A verbatim transcript of the lines below, starting at the first and ending with the one that holds "Lintel 350x550 C45/55',$,$,$,$,$,$,.LINTEL.);", is what should be produced.
::: Input data :::
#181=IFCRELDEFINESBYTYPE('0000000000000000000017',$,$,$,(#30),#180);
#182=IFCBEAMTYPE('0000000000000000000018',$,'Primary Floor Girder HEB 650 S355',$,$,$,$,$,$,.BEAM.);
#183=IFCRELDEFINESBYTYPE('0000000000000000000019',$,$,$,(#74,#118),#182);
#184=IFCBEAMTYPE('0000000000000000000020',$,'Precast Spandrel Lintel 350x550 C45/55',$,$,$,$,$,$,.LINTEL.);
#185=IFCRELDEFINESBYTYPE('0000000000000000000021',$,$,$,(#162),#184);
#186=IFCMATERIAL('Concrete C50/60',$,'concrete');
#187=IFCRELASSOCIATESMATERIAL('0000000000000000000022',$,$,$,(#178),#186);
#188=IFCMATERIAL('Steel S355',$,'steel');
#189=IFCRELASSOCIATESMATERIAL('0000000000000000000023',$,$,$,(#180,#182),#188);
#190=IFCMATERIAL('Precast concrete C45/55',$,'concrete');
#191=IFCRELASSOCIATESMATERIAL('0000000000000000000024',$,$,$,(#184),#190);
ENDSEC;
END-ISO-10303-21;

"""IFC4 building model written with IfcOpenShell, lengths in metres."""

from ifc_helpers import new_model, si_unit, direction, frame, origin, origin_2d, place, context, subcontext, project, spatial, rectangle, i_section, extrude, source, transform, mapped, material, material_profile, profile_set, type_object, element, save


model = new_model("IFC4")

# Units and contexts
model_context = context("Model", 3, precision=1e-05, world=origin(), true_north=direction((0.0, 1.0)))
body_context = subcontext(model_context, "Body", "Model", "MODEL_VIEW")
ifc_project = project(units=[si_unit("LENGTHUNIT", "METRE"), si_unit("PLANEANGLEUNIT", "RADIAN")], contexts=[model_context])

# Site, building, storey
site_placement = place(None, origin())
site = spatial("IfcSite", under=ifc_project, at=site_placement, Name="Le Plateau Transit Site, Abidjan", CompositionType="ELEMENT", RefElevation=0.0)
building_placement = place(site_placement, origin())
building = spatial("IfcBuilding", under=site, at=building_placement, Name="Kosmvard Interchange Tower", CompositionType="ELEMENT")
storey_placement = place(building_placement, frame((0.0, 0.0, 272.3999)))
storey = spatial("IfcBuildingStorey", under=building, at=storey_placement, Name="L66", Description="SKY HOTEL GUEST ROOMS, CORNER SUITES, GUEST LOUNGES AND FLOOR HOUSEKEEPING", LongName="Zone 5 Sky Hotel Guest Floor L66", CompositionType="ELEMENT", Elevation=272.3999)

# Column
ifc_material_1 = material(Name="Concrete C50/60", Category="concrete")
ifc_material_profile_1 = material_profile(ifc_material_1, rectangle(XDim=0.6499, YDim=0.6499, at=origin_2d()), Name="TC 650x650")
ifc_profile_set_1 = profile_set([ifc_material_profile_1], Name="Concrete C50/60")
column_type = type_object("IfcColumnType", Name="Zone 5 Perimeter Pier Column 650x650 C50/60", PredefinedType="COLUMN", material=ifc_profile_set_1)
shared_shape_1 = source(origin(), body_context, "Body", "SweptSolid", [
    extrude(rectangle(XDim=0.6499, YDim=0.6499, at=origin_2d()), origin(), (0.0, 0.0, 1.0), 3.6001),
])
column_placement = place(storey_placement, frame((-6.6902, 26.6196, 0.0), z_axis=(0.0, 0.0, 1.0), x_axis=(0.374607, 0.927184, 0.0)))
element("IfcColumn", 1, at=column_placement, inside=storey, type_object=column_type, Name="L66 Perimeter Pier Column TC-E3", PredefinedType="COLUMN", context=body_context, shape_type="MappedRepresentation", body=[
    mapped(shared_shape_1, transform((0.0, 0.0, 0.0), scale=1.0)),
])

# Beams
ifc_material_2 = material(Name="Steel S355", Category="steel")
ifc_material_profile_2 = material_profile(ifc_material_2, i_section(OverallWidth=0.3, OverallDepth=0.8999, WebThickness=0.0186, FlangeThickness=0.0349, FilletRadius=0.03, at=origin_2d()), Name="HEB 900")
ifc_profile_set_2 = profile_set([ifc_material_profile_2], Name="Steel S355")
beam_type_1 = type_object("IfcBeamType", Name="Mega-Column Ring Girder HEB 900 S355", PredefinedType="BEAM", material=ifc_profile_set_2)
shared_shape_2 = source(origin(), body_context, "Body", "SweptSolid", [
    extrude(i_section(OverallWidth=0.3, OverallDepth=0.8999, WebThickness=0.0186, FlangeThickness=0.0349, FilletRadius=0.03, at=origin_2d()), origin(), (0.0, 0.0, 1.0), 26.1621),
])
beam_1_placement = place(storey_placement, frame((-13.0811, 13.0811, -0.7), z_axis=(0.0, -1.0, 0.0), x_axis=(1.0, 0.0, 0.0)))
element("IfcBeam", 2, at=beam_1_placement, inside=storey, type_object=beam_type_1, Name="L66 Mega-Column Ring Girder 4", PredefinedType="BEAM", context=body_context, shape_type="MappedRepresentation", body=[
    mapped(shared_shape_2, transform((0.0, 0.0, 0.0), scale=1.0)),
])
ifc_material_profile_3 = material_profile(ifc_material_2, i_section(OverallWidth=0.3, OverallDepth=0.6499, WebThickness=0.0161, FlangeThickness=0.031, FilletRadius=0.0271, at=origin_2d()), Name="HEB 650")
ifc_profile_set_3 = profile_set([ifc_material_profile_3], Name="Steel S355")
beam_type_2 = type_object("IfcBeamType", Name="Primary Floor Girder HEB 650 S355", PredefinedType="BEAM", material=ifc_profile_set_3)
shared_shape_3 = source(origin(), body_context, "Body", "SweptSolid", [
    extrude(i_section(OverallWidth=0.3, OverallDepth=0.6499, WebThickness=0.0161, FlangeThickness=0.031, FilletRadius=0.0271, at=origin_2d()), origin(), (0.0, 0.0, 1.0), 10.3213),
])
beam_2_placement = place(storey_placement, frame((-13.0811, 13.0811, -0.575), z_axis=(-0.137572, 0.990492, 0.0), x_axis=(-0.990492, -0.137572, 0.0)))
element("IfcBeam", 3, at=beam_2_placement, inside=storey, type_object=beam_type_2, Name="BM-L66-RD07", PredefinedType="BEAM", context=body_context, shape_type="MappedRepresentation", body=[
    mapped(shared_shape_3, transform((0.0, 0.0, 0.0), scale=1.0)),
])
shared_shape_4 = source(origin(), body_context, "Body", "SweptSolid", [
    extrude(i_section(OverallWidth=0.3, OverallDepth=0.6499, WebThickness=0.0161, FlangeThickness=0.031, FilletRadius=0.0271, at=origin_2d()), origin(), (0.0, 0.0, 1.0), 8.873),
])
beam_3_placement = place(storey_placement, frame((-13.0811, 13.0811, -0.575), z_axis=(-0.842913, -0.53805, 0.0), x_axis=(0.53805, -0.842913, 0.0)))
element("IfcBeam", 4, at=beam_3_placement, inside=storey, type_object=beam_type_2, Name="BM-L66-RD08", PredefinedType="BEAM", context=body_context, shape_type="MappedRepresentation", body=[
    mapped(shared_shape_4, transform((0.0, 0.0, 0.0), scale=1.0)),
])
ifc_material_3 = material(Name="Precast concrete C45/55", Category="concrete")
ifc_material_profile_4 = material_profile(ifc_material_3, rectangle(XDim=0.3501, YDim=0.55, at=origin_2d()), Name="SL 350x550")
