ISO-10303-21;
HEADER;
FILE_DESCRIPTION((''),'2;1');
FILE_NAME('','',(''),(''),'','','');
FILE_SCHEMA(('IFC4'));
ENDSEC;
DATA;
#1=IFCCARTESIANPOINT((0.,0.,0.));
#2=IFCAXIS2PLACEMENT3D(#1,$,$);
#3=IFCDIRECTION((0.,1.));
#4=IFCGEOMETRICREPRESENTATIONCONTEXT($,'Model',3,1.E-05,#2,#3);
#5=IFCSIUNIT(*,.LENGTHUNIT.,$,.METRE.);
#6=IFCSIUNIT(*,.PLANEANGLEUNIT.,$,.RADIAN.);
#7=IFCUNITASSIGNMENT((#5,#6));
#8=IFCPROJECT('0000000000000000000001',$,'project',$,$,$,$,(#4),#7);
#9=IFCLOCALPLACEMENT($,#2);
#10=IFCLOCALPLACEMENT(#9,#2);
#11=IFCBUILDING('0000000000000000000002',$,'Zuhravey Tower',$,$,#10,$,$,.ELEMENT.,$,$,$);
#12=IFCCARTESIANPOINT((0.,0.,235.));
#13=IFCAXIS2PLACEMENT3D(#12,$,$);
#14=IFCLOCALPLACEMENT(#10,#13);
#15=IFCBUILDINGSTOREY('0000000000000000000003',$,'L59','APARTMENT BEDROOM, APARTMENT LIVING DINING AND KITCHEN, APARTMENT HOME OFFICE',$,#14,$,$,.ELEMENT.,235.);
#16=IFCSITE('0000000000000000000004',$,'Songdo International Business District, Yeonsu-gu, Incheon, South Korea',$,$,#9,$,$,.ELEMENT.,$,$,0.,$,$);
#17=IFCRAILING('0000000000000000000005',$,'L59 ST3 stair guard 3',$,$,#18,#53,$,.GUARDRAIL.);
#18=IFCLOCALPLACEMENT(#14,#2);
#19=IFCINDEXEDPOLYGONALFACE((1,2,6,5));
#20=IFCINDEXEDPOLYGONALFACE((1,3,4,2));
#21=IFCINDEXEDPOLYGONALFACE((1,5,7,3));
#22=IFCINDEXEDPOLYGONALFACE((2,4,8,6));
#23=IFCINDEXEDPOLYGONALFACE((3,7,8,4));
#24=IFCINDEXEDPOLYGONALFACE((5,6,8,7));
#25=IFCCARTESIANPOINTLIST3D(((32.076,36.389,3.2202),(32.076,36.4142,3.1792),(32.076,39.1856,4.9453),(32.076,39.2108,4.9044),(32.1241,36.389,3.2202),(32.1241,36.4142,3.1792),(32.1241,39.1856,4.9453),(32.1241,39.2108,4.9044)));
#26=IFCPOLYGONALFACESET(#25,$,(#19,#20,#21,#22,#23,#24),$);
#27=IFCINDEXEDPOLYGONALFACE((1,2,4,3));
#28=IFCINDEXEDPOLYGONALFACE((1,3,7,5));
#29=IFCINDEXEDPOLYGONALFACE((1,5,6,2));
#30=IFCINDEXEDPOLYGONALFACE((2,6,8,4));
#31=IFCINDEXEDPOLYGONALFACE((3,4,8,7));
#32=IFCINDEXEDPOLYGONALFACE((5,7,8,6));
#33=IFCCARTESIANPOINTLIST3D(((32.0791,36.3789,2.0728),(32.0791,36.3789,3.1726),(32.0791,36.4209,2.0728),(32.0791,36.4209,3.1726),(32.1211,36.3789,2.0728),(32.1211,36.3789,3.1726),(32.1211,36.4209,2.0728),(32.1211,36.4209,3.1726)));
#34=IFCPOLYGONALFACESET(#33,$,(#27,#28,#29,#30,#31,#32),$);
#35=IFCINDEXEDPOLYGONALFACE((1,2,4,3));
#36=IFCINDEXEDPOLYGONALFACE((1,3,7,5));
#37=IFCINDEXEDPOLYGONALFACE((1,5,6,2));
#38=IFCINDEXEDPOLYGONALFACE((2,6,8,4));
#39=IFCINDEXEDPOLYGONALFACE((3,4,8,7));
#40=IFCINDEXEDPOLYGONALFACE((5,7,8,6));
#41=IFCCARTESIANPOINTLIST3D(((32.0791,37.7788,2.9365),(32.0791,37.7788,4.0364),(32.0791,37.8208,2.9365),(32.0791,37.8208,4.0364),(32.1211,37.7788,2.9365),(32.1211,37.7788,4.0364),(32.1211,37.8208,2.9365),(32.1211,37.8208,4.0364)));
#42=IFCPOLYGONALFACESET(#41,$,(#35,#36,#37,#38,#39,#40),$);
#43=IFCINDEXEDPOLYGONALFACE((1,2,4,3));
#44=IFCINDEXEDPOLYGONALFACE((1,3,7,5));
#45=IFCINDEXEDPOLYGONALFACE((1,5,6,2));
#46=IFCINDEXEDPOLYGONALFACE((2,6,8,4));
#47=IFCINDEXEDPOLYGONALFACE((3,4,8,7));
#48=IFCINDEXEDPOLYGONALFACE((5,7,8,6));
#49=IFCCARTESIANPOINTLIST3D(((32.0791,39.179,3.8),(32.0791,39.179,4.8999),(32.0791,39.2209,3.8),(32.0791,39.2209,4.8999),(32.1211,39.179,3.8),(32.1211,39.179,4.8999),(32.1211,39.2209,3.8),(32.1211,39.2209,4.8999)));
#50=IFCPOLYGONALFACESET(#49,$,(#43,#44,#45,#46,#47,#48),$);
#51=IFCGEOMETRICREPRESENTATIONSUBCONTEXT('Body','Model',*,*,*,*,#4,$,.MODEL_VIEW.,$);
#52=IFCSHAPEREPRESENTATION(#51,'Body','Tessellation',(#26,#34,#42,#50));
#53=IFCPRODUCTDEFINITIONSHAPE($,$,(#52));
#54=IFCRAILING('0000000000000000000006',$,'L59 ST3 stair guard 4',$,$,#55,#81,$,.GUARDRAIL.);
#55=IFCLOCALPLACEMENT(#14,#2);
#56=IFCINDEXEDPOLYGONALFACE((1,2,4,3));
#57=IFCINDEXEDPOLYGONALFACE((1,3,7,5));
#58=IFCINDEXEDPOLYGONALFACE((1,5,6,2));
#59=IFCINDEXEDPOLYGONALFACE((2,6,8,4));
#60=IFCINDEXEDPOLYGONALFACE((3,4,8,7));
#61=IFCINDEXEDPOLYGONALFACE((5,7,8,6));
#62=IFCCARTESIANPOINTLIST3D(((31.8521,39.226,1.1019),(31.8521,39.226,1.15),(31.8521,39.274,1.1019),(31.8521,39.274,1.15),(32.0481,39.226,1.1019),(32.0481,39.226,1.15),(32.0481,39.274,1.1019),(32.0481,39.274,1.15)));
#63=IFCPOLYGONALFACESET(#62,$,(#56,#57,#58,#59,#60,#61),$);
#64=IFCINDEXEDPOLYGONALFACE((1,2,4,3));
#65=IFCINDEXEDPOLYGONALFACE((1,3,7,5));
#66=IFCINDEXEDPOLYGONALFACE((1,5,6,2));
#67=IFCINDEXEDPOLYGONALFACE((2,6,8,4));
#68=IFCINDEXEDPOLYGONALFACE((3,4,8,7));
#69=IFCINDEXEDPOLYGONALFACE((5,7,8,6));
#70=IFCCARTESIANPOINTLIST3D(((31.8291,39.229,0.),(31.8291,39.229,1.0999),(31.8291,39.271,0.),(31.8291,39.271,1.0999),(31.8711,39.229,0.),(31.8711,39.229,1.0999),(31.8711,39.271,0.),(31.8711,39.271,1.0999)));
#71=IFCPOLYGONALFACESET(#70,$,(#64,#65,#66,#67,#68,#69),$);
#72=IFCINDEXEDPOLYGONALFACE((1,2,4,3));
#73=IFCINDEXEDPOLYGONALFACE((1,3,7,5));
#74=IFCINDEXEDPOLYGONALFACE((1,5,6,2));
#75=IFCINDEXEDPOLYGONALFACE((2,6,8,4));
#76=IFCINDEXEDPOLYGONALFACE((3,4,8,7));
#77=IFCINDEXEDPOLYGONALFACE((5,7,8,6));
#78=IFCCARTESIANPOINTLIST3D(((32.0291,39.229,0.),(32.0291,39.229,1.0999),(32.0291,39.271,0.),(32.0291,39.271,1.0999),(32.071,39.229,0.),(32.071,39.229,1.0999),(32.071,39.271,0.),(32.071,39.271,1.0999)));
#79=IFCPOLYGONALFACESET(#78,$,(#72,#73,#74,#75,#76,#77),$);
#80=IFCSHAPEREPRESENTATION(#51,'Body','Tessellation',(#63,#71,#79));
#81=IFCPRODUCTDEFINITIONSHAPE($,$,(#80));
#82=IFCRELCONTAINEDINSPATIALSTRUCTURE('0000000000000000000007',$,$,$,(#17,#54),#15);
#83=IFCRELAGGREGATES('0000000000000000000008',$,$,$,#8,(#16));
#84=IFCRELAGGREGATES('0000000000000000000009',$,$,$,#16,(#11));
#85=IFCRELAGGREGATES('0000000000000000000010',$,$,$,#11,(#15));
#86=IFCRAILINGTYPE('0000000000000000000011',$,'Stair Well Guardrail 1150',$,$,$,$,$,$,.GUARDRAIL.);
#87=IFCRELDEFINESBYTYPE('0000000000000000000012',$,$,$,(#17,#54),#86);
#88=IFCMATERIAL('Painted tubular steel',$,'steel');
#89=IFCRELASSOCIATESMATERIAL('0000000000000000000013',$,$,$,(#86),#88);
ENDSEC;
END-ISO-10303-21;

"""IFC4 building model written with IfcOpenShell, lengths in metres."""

from ifc_helpers import new_model, si_unit, direction, frame, origin, origin_2d, place, context, subcontext, project, spatial, rectangle, extrude, material, type_object, element, save


model = new_model("IFC4")

# Units and contexts
model_context = context("Model", 3, precision=1e-05, world=origin(), true_north=direction((0.0, 1.0)))
body_context = subcontext(model_context, "Body", "Model", "MODEL_VIEW")
ifc_project = project(units=[si_unit("LENGTHUNIT", "METRE"), si_unit("PLANEANGLEUNIT", "RADIAN")], contexts=[model_context])

# Site, building, storey
site_placement = place(None, origin())
site = spatial("IfcSite", under=ifc_project, at=site_placement, Name="Songdo International Business District, Yeonsu-gu, Incheon, South Korea", CompositionType="ELEMENT", RefElevation=0.0)
building_placement = place(site_placement, origin())
building = spatial("IfcBuilding", under=site, at=building_placement, Name="Zuhravey Tower", CompositionType="ELEMENT")
storey_placement = place(building_placement, frame((0.0, 0.0, 235.0)))
storey = spatial("IfcBuildingStorey", under=building, at=storey_placement, Name="L59", Description="APARTMENT BEDROOM, APARTMENT LIVING DINING AND KITCHEN, APARTMENT HOME OFFICE", CompositionType="ELEMENT", Elevation=235.0)

# Railings
ifc_material_1 = material(Name="Painted tubular steel", Category="steel")
railing_type_1 = type_object("IfcRailingType", Name="Stair Well Guardrail 1150", PredefinedType="GUARDRAIL", material=ifc_material_1)
railing_1_placement = place(storey_placement, frame((32.1001, 36.3999, 2.0728)))
element("IfcRailing", 1, at=railing_1_placement, inside=storey, type_object=railing_type_1, Name="L59 ST3 stair guard 3", PredefinedType="GUARDRAIL", context=body_context, shape_type="SweptSolid", body=[
    extrude(rectangle(XDim=0.0481, YDim=0.0481, at=origin_2d()), frame((0.0, 0.0017, 1.127), z_axis=(0.0, 0.85109, 0.52502), x_axis=(-1.0, 0.0, 0.0)), (0.0, 0.0, 1.0), 3.2859),
    extrude(rectangle(XDim=0.042, YDim=0.042, at=origin_2d()), origin(), (0.0, 0.0, 1.0), 1.0999),
    extrude(rectangle(XDim=0.042, YDim=0.042, at=origin_2d()), frame((0.0, 1.3999, 0.8638)), (0.0, 0.0, 1.0), 1.0999),
    extrude(rectangle(XDim=0.042, YDim=0.042, at=origin_2d()), frame((0.0, 2.8, 1.7273)), (0.0, 0.0, 1.0), 1.0999),
])
railing_2_placement = place(storey_placement, frame((31.8501, 39.25, 0.0)))
element("IfcRailing", 2, at=railing_2_placement, inside=storey, type_object=railing_type_1, Name="L59 ST3 stair guard 4", PredefinedType="GUARDRAIL", context=body_context, shape_type="SweptSolid", body=[
    extrude(rectangle(XDim=0.0481, YDim=0.0481, at=origin_2d()), frame((0.002, 0.0, 1.126), z_axis=(1.0, 0.0, 0.0), x_axis=(0.0, 1.0, 0.0)), (0.0, 0.0, 1.0), 0.196),
    extrude(rectangle(XDim=0.042, YDim=0.042, at=origin_2d()), origin(), (0.0, 0.0, 1.0), 1.0999),
    extrude(rectangle(XDim=0.042, YDim=0.042, at=origin_2d()), frame((0.2, 0.0, 0.0)), (0.0, 0.0, 1.0), 1.0999),
])

save(model, "model.ifc")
:::
Your response –
#181=IFCRELDEFINESBYTYPE('0000000000000000000017',$,$,$,(#30),#180);
#182=IFCBEAMTYPE('0000000000000000000018',$,'Primary Floor Girder HEB 650 S355',$,$,$,$,$,$,.BEAM.);
#183=IFCRELDEFINESBYTYPE('0000000000000000000019',$,$,$,(#74,#118),#182);
#184=IFCBEAMTYPE('0000000000000000000020',$,'Precast Spandrel Lintel 350x550 C45/55',$,$,$,$,$,$,.LINTEL.);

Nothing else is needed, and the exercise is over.